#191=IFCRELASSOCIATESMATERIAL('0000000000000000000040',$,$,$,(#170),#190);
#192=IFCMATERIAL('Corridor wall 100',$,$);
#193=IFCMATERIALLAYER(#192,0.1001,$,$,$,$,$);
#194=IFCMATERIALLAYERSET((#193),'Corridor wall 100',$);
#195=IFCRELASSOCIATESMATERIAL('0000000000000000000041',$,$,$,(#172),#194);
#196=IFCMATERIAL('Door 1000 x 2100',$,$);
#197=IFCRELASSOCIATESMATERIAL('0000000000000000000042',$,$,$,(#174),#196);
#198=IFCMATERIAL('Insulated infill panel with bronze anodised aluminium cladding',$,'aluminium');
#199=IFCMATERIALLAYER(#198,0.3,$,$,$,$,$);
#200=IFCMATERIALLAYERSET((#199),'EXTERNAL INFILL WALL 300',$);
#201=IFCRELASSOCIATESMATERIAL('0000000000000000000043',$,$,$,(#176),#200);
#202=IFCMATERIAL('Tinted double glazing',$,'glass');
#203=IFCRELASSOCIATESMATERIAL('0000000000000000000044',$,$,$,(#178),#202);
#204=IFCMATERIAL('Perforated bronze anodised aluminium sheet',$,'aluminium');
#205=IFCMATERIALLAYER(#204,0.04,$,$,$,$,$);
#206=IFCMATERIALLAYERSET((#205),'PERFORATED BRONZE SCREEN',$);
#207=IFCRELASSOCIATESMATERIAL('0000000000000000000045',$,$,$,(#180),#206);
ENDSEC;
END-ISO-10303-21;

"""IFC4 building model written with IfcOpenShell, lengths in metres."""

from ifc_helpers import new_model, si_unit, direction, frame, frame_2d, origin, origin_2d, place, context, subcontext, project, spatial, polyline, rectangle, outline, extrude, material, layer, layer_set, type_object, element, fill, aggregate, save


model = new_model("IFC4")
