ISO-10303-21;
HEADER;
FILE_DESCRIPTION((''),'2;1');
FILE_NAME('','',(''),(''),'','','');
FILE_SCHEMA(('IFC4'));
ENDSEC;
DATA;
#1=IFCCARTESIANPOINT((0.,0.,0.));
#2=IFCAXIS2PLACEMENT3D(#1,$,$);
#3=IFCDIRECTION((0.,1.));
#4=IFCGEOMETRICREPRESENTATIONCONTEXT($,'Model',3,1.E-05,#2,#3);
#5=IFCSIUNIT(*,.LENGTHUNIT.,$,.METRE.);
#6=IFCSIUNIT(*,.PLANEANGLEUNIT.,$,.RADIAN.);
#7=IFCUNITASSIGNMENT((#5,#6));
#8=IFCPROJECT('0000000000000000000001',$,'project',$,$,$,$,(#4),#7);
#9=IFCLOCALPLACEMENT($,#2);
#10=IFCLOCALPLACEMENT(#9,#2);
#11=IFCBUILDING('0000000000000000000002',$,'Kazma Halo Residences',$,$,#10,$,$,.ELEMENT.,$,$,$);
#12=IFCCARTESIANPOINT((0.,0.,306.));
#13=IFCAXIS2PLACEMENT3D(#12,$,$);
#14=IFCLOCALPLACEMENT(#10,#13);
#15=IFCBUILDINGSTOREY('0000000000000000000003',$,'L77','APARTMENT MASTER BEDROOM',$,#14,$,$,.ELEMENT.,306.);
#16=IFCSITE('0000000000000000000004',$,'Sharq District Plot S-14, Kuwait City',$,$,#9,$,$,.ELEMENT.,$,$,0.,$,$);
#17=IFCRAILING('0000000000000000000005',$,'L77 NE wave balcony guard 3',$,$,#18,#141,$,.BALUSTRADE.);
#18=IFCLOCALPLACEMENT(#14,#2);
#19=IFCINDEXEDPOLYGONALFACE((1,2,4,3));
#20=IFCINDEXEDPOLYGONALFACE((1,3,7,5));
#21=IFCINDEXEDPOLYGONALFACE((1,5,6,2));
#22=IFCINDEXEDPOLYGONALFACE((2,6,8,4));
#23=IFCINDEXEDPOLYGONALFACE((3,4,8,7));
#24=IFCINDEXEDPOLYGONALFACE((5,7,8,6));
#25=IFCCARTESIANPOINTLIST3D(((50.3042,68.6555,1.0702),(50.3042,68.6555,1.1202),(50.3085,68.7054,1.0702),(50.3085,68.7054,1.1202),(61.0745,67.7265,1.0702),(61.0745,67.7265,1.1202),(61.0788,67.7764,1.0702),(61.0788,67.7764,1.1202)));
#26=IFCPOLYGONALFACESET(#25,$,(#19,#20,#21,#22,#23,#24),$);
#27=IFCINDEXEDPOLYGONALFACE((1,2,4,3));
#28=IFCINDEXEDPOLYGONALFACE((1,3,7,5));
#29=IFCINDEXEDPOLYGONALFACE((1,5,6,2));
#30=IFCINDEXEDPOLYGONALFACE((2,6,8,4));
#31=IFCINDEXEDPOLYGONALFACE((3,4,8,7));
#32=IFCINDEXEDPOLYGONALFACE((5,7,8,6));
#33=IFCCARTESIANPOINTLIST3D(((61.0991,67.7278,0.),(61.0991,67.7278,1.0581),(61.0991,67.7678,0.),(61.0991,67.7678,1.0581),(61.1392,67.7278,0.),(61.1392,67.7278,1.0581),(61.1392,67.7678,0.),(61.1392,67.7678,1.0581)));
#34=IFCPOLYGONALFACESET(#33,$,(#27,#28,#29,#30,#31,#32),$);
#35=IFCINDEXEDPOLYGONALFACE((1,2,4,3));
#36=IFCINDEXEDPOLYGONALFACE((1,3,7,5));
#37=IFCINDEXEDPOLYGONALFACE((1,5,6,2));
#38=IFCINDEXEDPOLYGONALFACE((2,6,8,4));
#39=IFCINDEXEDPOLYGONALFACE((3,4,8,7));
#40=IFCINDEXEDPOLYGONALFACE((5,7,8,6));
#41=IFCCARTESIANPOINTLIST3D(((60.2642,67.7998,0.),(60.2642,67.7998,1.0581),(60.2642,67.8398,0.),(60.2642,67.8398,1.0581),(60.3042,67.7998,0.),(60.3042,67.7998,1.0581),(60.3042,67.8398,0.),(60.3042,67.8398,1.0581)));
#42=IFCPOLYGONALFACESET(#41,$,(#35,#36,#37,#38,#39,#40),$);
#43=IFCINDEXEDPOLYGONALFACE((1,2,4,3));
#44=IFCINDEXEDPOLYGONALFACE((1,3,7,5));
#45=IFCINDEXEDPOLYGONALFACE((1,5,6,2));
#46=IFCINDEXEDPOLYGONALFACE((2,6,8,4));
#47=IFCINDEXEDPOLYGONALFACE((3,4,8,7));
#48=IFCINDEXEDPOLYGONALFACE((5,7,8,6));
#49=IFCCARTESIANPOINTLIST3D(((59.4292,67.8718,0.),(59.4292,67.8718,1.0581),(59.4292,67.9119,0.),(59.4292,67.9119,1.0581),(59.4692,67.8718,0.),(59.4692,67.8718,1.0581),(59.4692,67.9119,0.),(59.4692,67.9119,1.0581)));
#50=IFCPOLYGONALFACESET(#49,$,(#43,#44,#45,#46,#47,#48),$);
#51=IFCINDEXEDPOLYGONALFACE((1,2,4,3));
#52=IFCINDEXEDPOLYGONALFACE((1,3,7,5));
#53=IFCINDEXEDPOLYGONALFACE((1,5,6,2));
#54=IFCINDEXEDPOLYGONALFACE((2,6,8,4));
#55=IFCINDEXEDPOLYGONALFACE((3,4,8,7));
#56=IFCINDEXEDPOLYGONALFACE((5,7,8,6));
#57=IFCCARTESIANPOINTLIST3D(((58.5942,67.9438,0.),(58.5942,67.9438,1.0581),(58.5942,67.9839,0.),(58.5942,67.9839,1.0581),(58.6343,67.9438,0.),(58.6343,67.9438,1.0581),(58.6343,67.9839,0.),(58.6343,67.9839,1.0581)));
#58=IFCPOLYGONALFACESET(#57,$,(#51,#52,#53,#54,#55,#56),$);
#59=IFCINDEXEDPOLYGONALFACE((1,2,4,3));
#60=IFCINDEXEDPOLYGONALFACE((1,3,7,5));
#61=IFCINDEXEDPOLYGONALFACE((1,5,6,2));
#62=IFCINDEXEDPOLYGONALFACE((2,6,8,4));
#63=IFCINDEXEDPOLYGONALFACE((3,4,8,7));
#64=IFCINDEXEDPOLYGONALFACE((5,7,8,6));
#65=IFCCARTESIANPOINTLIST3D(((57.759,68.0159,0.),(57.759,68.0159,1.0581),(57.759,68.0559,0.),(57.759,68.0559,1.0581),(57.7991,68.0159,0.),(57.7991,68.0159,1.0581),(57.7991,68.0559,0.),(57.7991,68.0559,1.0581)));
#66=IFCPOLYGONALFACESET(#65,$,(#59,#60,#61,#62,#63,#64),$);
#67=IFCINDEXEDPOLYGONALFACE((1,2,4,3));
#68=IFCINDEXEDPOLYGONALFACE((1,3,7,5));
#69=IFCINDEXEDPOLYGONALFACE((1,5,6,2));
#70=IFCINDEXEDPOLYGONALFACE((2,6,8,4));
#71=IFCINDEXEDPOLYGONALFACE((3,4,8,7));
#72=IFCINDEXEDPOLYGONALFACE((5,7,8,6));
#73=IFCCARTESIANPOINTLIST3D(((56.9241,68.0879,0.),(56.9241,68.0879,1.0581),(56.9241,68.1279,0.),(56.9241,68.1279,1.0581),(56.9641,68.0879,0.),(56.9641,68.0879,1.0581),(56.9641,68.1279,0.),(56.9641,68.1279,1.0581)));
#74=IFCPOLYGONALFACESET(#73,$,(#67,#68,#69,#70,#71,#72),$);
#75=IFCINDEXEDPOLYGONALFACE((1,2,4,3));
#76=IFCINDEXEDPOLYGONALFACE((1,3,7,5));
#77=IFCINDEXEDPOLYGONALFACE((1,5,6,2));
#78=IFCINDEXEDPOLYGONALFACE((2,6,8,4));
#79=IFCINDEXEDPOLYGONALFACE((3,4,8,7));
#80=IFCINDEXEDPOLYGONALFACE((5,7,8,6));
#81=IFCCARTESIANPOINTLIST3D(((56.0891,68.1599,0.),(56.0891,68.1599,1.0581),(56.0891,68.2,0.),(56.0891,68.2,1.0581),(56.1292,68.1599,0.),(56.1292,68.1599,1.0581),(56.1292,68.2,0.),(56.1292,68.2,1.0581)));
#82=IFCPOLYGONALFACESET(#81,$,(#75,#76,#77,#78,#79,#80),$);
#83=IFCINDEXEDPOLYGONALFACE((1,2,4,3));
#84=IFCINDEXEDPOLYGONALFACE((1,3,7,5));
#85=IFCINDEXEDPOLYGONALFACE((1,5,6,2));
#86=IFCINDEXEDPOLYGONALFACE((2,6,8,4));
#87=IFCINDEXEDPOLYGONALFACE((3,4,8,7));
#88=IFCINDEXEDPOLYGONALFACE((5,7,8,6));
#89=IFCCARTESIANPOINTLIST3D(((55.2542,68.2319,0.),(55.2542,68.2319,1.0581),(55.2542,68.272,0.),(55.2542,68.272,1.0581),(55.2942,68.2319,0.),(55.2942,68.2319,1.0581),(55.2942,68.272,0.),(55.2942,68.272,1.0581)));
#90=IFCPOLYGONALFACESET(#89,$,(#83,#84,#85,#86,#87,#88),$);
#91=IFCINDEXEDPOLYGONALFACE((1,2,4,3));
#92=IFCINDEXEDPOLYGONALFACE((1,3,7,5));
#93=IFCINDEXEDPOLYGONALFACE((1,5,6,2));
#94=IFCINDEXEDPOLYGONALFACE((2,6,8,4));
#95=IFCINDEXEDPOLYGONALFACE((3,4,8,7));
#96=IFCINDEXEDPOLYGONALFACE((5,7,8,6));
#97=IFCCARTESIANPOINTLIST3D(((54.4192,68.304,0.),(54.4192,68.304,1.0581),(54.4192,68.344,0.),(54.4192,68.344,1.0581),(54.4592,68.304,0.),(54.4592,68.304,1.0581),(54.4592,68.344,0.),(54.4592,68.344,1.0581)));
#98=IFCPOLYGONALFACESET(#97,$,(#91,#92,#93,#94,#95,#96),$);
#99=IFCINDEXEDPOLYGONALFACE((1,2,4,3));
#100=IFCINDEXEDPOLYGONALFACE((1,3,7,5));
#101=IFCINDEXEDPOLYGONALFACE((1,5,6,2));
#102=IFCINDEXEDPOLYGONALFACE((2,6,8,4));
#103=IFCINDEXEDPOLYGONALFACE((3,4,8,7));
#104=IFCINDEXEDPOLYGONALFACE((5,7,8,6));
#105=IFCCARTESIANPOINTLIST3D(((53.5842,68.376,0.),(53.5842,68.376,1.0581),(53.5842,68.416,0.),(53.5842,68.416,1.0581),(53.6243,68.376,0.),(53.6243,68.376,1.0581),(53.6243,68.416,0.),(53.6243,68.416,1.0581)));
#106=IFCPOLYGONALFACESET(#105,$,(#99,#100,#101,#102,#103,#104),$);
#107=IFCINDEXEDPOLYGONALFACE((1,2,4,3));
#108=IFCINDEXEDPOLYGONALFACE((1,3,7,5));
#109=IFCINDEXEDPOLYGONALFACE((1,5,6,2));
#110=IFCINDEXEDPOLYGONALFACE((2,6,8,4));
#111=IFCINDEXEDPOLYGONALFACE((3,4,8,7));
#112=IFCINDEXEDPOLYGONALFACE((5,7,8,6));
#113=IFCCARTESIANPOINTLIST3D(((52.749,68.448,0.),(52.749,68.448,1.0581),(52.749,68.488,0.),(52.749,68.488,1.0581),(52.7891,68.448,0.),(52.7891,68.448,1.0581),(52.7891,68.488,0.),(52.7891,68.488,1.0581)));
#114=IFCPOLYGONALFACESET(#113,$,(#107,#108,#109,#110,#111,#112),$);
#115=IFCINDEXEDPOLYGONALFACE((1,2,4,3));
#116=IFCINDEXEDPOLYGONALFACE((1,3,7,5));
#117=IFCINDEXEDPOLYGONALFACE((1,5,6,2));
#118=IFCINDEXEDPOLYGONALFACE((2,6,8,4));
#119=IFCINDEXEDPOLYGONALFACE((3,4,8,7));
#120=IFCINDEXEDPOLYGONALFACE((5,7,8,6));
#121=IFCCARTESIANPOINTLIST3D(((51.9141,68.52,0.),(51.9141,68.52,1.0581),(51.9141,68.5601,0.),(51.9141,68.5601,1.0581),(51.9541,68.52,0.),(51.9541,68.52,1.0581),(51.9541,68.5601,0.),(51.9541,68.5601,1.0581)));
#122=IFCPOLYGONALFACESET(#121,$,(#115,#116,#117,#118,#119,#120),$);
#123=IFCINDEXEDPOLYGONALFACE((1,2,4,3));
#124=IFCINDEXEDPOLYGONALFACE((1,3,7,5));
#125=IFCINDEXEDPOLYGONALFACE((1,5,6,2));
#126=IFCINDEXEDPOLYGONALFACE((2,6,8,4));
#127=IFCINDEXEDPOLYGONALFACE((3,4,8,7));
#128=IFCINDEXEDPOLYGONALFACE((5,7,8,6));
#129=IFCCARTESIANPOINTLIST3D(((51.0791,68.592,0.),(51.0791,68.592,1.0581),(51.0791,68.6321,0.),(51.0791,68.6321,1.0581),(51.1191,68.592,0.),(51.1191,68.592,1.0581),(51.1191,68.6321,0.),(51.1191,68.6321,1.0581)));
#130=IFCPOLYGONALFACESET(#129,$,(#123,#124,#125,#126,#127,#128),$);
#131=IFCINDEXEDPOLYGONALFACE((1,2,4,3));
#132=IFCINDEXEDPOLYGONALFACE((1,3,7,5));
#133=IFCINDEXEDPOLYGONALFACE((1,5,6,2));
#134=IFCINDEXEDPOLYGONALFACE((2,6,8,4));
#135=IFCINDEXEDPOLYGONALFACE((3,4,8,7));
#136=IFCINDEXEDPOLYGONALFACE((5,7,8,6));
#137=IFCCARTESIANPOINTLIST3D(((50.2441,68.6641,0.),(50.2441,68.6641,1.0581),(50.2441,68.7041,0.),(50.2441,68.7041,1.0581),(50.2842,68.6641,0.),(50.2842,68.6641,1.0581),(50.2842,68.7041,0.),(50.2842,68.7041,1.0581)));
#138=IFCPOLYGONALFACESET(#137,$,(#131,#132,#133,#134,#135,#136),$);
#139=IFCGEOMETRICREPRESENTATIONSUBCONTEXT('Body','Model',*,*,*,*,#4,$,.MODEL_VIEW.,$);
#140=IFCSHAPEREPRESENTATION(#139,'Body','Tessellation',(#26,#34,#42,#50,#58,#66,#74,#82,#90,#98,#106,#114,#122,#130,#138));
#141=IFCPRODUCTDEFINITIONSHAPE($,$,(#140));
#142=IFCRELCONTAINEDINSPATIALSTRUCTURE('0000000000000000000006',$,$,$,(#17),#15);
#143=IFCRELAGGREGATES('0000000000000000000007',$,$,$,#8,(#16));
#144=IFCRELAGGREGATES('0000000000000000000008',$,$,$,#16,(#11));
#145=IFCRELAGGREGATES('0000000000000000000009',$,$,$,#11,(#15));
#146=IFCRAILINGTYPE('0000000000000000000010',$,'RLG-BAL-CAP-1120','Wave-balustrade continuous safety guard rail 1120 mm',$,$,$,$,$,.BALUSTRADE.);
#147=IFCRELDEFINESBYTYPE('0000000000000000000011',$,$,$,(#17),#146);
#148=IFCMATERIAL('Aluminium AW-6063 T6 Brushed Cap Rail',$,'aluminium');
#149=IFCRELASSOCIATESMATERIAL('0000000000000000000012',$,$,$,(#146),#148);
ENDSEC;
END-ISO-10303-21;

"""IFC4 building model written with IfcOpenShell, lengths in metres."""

from ifc_helpers import new_model, si_unit, direction, frame, origin, origin_2d, place, context, subcontext, project, spatial, rectangle, extrude, material, type_object, element, save


model = new_model("IFC4")

# Units and contexts
model_context = context("Model", 3, precision=1e-05, world=origin(), true_north=direction((0.0, 1.0)))
body_context = subcontext(model_context, "Body", "Model", "MODEL_VIEW")
ifc_project = project(units=[si_unit("LENGTHUNIT", "METRE"), si_unit("PLANEANGLEUNIT", "RADIAN")], contexts=[model_context])

# Site, building, storey
site_placement = place(None, origin())
site = spatial("IfcSite", under=ifc_project, at=site_placement, Name="Sharq District Plot S-14, Kuwait City", CompositionType="ELEMENT", RefElevation=0.0)
building_placement = place(site_placement, origin())
building = spatial("IfcBuilding", under=site, at=building_placement, Name="Kazma Halo Residences", CompositionType="ELEMENT")
storey_placement = place(building_placement, frame((0.0, 0.0, 306.0)))
storey = spatial("IfcBuildingStorey", under=building, at=storey_placement, Name="L77", Description="APARTMENT MASTER BEDROOM", CompositionType="ELEMENT", Elevation=306.0)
◇ ◇ ◇ ◇ ◇ ◇ ◇
▶ **WORK REQUEST**
Sift the material for lines with the string "aluminium". Copy each one found.

▶ **RESPONSE BOX**
#198=IFCMATERIAL('Insulated infill panel with bronze anodised aluminium cladding',$,'aluminium');
#204=IFCMATERIAL('Perforated bronze anodised aluminium sheet',$,'aluminium');
#148=IFCMATERIAL('Aluminium AW-6063 T6 Brushed Cap Rail',$,'aluminium');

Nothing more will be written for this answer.